• **Exercise**: Search the records for the string "IFCRELCONTAINEDINSPATIALSTRUCTURE". Copy each line where it occurs.

• **Data section**:

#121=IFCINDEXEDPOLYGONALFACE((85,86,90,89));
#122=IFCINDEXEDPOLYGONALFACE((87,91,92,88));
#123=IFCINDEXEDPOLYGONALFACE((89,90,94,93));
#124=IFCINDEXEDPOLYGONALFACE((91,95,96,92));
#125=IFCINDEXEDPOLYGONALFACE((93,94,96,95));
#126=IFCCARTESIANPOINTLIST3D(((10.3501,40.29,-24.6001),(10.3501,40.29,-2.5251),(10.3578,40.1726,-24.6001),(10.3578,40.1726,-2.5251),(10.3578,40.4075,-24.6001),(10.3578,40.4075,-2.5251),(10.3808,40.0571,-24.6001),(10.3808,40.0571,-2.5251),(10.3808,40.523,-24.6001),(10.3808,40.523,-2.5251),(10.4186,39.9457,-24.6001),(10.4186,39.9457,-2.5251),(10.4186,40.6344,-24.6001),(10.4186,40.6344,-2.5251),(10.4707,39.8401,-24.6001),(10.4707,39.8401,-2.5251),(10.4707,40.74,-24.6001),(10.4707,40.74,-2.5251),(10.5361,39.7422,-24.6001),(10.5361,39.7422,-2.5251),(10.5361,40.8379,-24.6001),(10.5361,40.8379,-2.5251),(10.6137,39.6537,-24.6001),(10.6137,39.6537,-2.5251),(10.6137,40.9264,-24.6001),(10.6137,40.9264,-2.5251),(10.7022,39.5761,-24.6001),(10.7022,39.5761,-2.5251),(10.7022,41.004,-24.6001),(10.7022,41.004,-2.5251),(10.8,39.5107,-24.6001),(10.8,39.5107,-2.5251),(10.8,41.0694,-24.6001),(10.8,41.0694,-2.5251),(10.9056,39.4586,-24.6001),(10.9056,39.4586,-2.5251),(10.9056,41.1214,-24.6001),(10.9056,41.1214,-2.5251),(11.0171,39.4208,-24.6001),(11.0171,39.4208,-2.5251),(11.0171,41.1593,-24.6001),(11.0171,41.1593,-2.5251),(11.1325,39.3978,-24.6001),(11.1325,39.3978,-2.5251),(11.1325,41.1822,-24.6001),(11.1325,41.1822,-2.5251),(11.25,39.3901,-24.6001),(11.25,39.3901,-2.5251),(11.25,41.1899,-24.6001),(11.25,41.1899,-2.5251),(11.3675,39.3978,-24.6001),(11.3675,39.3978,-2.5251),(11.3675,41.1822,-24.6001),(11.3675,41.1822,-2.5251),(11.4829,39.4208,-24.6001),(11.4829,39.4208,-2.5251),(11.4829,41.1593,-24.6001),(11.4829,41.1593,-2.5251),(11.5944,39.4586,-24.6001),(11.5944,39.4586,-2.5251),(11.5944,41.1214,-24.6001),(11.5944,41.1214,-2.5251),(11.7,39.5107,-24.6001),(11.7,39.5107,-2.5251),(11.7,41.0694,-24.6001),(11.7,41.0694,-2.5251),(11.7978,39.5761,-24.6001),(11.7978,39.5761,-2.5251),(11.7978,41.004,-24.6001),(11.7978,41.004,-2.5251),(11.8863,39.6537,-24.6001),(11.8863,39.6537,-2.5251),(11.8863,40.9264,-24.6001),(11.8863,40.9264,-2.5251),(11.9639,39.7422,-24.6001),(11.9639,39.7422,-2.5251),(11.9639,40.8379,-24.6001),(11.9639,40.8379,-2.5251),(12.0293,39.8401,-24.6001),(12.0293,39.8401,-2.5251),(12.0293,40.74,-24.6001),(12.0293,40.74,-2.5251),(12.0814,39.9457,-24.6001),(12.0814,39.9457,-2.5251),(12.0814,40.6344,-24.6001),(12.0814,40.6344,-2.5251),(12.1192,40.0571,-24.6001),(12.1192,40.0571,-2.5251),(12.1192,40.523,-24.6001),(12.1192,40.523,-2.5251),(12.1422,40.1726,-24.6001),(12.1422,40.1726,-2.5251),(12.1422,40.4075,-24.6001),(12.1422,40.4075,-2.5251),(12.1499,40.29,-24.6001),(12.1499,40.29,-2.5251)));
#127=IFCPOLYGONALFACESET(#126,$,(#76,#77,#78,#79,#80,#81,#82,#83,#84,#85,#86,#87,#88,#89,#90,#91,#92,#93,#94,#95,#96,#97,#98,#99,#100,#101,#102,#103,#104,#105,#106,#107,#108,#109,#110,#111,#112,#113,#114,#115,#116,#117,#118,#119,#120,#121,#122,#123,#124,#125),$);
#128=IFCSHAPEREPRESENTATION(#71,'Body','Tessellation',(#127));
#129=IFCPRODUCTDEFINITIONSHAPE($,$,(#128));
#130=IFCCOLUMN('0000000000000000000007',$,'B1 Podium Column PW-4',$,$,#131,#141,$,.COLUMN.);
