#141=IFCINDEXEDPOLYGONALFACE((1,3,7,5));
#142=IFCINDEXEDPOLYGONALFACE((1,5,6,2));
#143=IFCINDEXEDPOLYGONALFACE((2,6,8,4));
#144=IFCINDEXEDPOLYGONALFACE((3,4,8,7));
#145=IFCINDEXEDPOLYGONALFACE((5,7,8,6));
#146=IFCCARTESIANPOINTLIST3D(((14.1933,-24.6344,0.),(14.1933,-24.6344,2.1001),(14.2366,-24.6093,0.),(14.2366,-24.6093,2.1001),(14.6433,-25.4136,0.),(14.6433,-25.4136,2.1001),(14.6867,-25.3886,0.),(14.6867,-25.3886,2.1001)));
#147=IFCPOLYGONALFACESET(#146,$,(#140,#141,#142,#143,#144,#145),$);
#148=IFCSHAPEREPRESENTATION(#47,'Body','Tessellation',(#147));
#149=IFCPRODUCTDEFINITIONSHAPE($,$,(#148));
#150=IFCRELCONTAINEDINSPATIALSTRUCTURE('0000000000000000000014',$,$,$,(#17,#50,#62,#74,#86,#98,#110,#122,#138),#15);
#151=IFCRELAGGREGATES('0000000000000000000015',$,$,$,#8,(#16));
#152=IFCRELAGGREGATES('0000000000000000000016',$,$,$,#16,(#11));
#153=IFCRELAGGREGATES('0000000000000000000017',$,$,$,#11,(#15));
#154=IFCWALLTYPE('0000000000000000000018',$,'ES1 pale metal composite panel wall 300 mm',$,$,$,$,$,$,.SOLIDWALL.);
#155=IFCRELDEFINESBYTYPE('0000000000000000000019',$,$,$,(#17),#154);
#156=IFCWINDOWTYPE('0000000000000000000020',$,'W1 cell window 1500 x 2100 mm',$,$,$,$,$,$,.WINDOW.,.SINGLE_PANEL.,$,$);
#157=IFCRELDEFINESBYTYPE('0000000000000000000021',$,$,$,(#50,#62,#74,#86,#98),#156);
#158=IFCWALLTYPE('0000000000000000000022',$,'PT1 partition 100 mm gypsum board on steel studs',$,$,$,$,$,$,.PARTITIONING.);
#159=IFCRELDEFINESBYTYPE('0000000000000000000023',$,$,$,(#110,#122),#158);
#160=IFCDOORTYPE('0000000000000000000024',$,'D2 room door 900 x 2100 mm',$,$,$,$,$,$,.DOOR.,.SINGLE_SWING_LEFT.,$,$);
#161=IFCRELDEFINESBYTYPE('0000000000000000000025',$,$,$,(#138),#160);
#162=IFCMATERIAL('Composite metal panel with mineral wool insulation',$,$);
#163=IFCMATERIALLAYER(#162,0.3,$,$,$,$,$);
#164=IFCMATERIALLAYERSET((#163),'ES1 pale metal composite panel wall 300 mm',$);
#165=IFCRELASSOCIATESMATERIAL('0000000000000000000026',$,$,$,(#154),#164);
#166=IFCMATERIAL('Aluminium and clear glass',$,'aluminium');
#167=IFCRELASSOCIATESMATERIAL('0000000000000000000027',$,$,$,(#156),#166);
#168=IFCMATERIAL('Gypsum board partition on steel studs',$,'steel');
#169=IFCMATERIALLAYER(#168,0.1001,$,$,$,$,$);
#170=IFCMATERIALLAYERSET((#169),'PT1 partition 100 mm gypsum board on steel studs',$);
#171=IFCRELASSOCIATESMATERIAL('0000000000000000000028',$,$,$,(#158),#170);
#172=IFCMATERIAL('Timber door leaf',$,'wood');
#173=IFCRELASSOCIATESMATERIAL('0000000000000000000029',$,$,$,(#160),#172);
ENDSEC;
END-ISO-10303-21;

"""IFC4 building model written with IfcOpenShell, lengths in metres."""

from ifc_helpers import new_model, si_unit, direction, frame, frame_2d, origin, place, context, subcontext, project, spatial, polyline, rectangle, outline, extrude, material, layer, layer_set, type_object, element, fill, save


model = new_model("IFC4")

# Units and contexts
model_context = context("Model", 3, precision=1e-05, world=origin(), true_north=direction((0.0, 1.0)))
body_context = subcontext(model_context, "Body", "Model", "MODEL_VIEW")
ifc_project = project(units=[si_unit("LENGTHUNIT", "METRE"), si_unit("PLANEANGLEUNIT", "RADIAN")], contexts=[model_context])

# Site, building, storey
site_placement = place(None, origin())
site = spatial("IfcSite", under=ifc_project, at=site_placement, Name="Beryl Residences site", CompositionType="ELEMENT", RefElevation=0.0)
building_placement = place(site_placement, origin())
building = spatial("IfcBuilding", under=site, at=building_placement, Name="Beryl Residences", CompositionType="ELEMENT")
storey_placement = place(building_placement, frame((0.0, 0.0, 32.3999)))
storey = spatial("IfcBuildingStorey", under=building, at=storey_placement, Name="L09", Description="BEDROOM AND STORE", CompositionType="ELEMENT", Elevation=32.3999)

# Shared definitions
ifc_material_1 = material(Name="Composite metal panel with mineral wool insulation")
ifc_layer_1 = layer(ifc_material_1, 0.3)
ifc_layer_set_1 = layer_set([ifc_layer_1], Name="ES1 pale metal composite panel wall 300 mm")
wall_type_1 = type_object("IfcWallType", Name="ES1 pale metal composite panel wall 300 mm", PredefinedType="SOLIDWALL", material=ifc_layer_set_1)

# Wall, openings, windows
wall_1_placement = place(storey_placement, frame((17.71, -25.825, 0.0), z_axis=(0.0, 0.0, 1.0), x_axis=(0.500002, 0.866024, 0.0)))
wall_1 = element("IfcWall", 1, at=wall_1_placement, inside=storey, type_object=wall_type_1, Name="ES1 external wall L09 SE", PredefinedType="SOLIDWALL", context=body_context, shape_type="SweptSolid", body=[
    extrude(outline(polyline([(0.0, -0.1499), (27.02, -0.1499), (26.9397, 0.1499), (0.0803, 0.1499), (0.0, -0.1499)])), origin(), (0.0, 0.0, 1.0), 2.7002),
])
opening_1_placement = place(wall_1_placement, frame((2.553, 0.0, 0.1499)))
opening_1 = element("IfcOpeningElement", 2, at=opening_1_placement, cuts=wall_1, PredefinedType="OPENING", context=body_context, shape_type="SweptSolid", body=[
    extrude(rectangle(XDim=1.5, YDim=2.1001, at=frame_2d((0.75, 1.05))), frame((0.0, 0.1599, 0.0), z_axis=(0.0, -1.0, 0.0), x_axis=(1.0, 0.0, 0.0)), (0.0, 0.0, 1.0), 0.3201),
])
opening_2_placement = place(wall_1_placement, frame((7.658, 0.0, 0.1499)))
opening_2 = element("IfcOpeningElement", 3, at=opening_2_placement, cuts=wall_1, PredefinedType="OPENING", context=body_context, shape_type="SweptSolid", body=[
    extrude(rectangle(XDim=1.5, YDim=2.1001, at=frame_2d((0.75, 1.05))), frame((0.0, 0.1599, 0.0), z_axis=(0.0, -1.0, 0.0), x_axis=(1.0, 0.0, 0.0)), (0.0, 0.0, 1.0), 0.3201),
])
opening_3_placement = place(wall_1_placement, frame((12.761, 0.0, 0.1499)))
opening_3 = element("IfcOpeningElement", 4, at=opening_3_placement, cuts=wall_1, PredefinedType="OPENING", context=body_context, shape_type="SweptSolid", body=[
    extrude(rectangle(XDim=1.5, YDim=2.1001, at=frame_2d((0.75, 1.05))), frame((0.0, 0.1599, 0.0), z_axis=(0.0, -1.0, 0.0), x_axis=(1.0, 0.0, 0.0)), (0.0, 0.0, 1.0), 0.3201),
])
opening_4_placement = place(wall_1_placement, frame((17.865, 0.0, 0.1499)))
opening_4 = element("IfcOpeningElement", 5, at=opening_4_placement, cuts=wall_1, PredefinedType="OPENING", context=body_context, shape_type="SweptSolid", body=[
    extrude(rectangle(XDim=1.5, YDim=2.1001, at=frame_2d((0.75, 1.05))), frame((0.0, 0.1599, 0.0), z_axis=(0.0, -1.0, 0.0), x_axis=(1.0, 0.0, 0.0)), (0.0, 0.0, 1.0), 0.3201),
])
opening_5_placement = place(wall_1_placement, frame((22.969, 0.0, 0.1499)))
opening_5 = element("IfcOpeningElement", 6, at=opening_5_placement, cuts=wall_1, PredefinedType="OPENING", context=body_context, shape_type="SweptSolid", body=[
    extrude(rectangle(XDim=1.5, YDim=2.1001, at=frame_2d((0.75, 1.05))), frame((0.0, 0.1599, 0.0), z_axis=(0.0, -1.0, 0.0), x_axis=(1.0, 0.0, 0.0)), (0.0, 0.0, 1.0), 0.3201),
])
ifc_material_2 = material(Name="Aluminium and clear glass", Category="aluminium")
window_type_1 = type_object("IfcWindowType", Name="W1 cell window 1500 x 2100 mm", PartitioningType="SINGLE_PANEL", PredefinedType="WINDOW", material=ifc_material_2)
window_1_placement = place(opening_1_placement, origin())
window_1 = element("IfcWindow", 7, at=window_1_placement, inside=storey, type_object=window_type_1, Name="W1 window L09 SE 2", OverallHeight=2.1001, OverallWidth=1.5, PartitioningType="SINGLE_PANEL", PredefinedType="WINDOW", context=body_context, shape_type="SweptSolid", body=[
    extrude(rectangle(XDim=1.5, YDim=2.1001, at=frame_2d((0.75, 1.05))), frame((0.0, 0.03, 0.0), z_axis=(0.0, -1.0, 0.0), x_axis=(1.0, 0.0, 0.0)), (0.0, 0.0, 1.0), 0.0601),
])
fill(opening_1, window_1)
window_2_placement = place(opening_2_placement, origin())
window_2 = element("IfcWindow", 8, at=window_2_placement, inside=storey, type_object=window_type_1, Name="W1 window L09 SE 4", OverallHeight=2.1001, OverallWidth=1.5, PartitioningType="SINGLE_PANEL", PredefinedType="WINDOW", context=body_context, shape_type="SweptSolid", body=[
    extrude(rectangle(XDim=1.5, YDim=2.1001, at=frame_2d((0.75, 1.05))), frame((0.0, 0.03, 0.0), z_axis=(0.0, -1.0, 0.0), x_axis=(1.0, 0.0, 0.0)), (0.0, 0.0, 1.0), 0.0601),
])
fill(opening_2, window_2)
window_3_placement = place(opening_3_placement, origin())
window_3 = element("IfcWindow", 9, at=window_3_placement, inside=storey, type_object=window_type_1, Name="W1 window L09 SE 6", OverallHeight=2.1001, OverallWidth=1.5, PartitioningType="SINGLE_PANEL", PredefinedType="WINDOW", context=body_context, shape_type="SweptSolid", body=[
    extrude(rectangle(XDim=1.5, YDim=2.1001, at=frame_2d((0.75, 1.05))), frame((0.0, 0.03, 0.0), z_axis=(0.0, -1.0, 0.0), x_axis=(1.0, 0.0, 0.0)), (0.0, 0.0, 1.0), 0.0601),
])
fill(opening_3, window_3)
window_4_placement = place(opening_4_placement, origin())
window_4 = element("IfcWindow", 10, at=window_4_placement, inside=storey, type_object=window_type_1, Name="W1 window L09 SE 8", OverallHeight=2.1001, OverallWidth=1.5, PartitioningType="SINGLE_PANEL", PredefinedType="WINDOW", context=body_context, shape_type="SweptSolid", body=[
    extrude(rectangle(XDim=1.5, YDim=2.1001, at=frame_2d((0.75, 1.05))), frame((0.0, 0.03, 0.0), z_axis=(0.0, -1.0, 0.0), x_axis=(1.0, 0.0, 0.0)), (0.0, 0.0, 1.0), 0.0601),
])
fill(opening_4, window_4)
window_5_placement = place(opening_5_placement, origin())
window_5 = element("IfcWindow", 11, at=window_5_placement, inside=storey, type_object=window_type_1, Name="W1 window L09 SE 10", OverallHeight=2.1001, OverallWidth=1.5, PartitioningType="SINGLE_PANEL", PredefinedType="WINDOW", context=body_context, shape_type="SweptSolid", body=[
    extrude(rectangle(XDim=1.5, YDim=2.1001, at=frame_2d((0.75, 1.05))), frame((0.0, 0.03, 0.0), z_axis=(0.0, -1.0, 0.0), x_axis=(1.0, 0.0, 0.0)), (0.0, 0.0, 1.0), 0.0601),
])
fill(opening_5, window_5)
==
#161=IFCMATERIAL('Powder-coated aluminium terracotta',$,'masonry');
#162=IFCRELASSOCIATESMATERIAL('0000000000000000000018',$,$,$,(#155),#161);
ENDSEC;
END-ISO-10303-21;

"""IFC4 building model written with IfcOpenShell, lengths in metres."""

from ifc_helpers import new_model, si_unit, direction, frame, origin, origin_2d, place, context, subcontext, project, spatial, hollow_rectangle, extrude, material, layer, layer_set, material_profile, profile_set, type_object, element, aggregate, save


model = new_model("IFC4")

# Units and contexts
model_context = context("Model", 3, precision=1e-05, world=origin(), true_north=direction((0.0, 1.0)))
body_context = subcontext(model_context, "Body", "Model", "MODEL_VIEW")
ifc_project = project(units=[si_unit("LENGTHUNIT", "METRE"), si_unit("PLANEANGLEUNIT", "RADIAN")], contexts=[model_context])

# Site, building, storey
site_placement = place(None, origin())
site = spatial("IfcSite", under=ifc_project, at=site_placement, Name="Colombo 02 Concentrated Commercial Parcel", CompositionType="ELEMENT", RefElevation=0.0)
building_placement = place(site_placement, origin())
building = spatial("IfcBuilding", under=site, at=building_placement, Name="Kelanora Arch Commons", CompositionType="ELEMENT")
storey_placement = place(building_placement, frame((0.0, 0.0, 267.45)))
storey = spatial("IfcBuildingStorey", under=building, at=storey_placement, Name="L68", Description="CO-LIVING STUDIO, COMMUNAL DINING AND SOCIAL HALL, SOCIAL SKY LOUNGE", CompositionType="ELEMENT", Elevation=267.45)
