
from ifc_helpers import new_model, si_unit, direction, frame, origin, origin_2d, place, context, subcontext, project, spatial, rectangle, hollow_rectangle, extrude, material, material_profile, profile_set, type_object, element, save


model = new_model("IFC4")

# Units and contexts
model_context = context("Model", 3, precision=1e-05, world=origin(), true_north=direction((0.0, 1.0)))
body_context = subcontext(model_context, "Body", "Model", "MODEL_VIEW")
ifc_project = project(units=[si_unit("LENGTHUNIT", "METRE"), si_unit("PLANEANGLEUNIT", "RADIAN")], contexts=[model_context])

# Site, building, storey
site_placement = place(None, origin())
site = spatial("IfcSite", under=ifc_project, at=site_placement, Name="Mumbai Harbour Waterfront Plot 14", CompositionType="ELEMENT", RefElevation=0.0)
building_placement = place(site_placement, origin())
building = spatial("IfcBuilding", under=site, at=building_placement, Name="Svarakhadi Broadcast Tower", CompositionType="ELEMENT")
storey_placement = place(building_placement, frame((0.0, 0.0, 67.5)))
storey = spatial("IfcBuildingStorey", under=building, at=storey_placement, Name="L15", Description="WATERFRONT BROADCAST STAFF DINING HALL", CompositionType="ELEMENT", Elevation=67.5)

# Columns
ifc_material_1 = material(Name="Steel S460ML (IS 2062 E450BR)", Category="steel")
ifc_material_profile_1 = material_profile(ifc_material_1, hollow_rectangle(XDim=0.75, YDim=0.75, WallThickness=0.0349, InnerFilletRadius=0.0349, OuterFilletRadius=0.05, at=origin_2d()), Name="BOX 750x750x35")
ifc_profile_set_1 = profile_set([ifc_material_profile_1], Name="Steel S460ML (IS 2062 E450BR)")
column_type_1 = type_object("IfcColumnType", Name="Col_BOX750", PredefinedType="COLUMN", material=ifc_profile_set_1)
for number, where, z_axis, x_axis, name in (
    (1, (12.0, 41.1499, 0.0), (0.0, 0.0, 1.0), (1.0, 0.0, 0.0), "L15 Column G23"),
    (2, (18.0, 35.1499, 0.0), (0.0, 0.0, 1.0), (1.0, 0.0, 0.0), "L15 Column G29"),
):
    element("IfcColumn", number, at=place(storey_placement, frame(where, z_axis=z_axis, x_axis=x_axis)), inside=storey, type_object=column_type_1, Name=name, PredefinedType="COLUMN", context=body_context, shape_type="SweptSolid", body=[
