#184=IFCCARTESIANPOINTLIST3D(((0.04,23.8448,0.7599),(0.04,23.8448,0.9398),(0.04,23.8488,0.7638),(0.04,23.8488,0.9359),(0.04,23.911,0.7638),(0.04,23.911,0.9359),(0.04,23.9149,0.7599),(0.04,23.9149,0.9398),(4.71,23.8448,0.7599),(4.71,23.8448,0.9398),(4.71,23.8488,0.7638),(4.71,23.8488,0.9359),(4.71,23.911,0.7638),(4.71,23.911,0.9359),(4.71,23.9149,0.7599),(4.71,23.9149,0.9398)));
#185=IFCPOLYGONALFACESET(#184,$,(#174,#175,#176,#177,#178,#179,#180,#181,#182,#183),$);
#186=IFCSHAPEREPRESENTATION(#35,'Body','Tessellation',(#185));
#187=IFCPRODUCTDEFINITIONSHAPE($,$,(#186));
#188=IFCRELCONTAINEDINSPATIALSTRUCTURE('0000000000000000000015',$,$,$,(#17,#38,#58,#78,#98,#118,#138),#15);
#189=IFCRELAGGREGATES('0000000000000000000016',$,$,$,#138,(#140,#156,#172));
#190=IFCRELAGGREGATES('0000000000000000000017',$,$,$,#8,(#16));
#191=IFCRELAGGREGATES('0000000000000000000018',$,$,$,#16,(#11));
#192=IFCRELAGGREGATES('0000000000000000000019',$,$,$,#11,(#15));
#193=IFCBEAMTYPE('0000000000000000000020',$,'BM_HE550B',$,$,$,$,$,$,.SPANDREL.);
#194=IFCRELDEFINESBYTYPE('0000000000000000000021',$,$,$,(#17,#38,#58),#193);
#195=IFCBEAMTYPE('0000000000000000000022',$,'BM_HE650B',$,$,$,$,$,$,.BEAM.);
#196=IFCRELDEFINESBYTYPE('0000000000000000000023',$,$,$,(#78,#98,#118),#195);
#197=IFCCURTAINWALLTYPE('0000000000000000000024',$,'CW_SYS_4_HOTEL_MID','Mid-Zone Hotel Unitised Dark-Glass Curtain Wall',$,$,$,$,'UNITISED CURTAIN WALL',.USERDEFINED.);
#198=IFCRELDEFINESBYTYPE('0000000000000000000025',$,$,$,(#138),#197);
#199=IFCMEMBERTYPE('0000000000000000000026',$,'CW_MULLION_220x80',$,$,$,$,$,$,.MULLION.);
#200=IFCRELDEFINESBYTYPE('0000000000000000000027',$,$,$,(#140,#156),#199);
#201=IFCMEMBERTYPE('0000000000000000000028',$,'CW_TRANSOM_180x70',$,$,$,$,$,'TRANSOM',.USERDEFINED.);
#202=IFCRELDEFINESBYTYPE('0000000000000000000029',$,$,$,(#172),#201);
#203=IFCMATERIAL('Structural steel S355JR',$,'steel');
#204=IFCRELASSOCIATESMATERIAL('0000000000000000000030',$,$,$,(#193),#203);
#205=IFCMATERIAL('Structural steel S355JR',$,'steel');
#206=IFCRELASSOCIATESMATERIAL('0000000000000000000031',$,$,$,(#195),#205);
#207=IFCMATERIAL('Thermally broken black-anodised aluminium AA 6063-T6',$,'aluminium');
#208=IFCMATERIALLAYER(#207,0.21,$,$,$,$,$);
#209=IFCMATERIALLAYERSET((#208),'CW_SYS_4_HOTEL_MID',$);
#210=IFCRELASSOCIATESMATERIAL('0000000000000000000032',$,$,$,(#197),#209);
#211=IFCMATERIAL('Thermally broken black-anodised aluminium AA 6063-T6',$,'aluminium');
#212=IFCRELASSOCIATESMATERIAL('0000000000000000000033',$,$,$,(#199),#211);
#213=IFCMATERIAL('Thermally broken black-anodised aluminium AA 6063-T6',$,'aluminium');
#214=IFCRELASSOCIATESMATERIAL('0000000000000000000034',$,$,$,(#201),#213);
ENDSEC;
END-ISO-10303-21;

• **Answer**:
#150=IFCRELCONTAINEDINSPATIALSTRUCTURE('0000000000000000000014',$,$,$,(#17,#50,#62,#74,#86,#98,#110,#122,#138),#15);
#188=IFCRELCONTAINEDINSPATIALSTRUCTURE('0000000000000000000015',$,$,$,(#17,#38,#58,#78,#98,#118,#138),#15);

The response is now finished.